Look below for the lines from the one with "#155=IFCLOCALPLACEMENT(#14,#2);" to the one with "#173=IFCINDEXEDPOLYGONALFACE((5,7,8,6));", and copy exactly those lines, both ends included.

━━━━━ Records

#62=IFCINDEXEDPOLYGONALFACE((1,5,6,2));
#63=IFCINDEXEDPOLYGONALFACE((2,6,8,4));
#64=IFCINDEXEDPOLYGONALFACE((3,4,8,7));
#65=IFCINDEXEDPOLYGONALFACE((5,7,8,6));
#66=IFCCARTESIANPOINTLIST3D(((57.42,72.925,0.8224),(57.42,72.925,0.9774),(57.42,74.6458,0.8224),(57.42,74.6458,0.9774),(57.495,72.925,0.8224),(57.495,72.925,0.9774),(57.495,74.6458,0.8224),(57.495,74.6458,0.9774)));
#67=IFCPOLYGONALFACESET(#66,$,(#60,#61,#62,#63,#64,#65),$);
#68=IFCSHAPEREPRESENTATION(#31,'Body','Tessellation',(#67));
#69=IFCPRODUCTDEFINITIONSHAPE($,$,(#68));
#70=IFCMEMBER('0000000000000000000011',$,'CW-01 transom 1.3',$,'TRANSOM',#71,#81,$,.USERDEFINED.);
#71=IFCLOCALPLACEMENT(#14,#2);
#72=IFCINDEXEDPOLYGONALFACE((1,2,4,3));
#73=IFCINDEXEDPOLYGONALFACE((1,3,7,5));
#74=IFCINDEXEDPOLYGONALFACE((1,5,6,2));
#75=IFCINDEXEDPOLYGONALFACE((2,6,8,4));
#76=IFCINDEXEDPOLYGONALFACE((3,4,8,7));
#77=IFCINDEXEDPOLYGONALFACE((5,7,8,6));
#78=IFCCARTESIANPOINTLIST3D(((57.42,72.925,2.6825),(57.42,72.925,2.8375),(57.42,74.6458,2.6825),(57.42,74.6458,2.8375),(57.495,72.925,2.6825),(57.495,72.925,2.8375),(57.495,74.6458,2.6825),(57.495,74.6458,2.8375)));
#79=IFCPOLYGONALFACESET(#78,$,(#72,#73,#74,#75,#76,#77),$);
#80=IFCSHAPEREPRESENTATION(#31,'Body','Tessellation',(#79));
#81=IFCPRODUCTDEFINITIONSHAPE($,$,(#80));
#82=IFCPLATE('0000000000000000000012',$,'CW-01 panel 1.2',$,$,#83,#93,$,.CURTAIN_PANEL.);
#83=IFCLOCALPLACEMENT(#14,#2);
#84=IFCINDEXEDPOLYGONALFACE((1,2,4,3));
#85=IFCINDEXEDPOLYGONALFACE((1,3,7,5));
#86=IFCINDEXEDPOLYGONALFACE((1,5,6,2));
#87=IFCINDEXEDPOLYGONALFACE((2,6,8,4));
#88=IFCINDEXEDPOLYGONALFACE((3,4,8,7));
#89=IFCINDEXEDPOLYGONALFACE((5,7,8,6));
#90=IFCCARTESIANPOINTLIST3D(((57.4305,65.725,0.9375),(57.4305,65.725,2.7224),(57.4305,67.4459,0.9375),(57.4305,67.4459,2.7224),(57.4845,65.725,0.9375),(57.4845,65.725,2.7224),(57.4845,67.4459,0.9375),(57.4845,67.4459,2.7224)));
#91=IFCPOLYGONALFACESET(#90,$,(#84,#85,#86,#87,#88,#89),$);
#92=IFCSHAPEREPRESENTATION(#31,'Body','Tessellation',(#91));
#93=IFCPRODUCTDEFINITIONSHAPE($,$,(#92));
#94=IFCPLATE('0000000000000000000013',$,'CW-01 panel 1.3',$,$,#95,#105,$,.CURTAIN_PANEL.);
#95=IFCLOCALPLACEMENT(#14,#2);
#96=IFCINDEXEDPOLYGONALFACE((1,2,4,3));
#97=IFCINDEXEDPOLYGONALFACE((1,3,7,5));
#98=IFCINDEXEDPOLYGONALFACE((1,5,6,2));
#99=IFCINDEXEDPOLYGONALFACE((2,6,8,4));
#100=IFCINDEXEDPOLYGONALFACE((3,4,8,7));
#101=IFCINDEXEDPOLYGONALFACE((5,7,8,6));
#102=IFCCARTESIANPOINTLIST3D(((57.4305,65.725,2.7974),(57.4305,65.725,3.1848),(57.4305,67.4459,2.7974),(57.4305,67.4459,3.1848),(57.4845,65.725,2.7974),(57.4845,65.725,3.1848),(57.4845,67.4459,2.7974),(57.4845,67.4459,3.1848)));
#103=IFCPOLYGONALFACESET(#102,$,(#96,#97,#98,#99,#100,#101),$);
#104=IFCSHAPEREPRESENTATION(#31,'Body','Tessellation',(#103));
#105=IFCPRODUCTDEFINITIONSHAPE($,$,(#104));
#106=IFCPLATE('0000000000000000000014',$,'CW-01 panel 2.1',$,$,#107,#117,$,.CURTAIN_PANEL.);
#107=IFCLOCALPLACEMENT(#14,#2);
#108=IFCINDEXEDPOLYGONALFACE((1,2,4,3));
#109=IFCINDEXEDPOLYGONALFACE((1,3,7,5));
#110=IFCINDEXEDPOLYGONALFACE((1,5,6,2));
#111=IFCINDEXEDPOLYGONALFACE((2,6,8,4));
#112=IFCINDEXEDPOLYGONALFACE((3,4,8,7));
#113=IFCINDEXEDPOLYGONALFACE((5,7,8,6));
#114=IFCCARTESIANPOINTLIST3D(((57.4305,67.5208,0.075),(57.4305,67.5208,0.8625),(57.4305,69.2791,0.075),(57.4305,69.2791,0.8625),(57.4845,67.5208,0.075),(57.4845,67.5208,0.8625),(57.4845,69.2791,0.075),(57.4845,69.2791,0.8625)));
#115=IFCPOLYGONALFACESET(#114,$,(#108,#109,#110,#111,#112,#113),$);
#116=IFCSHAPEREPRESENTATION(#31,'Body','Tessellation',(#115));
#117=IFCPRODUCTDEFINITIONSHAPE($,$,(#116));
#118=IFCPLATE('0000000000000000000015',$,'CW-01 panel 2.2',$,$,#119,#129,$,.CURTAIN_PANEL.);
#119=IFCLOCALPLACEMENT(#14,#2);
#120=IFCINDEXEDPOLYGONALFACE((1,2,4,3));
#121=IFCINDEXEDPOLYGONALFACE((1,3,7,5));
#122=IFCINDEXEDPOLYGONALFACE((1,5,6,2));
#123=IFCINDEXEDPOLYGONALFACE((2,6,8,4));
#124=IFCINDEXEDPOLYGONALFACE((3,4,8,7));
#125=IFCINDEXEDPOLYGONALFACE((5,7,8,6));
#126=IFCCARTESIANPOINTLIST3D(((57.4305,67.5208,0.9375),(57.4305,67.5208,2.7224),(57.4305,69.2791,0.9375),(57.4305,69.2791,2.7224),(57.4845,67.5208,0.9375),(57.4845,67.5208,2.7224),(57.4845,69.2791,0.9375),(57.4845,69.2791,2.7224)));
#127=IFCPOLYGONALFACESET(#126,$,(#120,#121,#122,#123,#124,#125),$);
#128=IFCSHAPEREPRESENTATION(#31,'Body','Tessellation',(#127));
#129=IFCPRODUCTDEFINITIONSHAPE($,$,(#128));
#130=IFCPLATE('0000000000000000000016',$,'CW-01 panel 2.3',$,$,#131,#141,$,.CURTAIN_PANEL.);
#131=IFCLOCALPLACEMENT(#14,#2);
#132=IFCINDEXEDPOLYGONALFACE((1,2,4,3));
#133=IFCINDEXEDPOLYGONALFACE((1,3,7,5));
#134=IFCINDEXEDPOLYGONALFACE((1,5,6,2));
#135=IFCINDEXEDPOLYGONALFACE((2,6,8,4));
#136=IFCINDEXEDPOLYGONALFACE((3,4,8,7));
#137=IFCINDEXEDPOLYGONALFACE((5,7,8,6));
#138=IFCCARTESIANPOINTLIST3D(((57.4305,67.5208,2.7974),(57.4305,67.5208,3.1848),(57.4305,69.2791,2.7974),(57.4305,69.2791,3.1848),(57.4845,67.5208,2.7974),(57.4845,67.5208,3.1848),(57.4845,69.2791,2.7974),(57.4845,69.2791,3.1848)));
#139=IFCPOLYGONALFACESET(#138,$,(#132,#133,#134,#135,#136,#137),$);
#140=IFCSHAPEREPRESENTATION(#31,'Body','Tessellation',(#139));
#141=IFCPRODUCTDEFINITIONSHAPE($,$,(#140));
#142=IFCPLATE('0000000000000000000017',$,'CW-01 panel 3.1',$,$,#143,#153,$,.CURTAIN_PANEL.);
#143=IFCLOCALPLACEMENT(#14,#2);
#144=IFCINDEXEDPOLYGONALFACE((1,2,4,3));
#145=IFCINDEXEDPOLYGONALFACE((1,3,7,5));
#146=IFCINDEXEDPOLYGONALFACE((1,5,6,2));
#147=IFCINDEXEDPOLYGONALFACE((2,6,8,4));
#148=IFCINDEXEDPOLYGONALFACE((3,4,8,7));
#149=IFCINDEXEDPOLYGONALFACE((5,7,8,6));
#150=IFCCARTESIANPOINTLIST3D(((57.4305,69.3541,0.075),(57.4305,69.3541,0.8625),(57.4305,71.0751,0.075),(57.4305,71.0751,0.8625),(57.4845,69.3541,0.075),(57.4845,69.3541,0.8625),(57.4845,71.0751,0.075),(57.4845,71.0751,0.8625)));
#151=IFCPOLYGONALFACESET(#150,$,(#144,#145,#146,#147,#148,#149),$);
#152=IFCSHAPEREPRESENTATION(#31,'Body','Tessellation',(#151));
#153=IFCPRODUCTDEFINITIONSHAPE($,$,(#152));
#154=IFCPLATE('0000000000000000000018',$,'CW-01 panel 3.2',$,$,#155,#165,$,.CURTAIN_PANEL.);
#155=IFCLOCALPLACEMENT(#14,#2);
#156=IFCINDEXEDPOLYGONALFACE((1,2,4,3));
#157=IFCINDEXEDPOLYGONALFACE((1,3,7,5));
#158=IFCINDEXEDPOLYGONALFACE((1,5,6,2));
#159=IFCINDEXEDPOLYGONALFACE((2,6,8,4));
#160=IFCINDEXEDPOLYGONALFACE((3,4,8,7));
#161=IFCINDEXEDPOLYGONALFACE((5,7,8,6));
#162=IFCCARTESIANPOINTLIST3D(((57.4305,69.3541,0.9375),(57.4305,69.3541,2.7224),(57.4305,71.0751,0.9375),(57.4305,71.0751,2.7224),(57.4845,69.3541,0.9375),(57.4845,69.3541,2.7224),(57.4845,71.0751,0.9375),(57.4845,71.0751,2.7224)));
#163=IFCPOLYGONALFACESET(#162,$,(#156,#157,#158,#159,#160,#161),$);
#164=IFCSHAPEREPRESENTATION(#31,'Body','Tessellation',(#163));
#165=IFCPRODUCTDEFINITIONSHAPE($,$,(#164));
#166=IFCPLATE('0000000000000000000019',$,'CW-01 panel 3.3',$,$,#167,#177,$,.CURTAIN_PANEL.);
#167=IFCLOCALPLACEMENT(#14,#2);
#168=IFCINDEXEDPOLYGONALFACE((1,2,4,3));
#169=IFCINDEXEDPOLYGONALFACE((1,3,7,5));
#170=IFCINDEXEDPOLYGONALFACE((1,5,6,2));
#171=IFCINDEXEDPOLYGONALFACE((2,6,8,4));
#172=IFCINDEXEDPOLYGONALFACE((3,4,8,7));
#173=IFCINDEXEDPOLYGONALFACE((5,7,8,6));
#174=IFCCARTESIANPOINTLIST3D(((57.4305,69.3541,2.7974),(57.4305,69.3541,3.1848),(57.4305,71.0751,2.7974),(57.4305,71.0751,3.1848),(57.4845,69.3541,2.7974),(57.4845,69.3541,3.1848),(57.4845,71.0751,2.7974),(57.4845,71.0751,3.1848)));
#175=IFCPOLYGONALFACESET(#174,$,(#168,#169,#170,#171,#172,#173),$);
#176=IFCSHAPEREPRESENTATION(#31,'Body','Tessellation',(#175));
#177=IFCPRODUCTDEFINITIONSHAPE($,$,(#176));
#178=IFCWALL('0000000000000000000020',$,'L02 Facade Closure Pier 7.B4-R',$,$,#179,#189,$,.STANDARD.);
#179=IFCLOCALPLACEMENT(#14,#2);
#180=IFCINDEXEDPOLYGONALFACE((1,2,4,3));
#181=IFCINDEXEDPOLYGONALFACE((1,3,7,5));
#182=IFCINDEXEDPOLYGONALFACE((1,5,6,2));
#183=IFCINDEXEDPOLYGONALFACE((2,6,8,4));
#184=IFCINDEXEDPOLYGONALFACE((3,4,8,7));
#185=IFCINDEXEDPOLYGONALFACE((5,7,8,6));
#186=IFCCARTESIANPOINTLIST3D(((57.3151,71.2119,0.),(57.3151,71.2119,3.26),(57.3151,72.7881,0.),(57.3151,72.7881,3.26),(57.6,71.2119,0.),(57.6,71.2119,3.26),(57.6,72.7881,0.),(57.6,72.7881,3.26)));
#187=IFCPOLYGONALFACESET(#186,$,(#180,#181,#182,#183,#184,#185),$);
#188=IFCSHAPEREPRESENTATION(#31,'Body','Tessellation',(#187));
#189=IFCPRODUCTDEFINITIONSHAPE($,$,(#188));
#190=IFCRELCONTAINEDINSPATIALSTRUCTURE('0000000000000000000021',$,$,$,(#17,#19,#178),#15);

━━━━━━━━━━

■ **Exercise result**
#155=IFCLOCALPLACEMENT(#14,#2);
#156=IFCINDEXEDPOLYGONALFACE((1,2,4,3));
#157=IFCINDEXEDPOLYGONALFACE((1,3,7,5));
#158=IFCINDEXEDPOLYGONALFACE((1,5,6,2));
#159=IFCINDEXEDPOLYGONALFACE((2,6,8,4));
#160=IFCINDEXEDPOLYGONALFACE((3,4,8,7));
#161=IFCINDEXEDPOLYGONALFACE((5,7,8,6));
#162=IFCCARTESIANPOINTLIST3D(((57.4305,69.3541,0.9375),(57.4305,69.3541,2.7224),(57.4305,71.0751,0.9375),(57.4305,71.0751,2.7224),(57.4845,69.3541,0.9375),(57.4845,69.3541,2.7224),(57.4845,71.0751,0.9375),(57.4845,71.0751,2.7224)));
#163=IFCPOLYGONALFACESET(#162,$,(#156,#157,#158,#159,#160,#161),$);
#164=IFCSHAPEREPRESENTATION(#31,'Body','Tessellation',(#163));
#165=IFCPRODUCTDEFINITIONSHAPE($,$,(#164));
#166=IFCPLATE('0000000000000000000019',$,'CW-01 panel 3.3',$,$,#167,#177,$,.CURTAIN_PANEL.);
#167=IFCLOCALPLACEMENT(#14,#2);
#168=IFCINDEXEDPOLYGONALFACE((1,2,4,3));
#169=IFCINDEXEDPOLYGONALFACE((1,3,7,5));
#170=IFCINDEXEDPOLYGONALFACE((1,5,6,2));
#171=IFCINDEXEDPOLYGONALFACE((2,6,8,4));
#172=IFCINDEXEDPOLYGONALFACE((3,4,8,7));
#173=IFCINDEXEDPOLYGONALFACE((5,7,8,6));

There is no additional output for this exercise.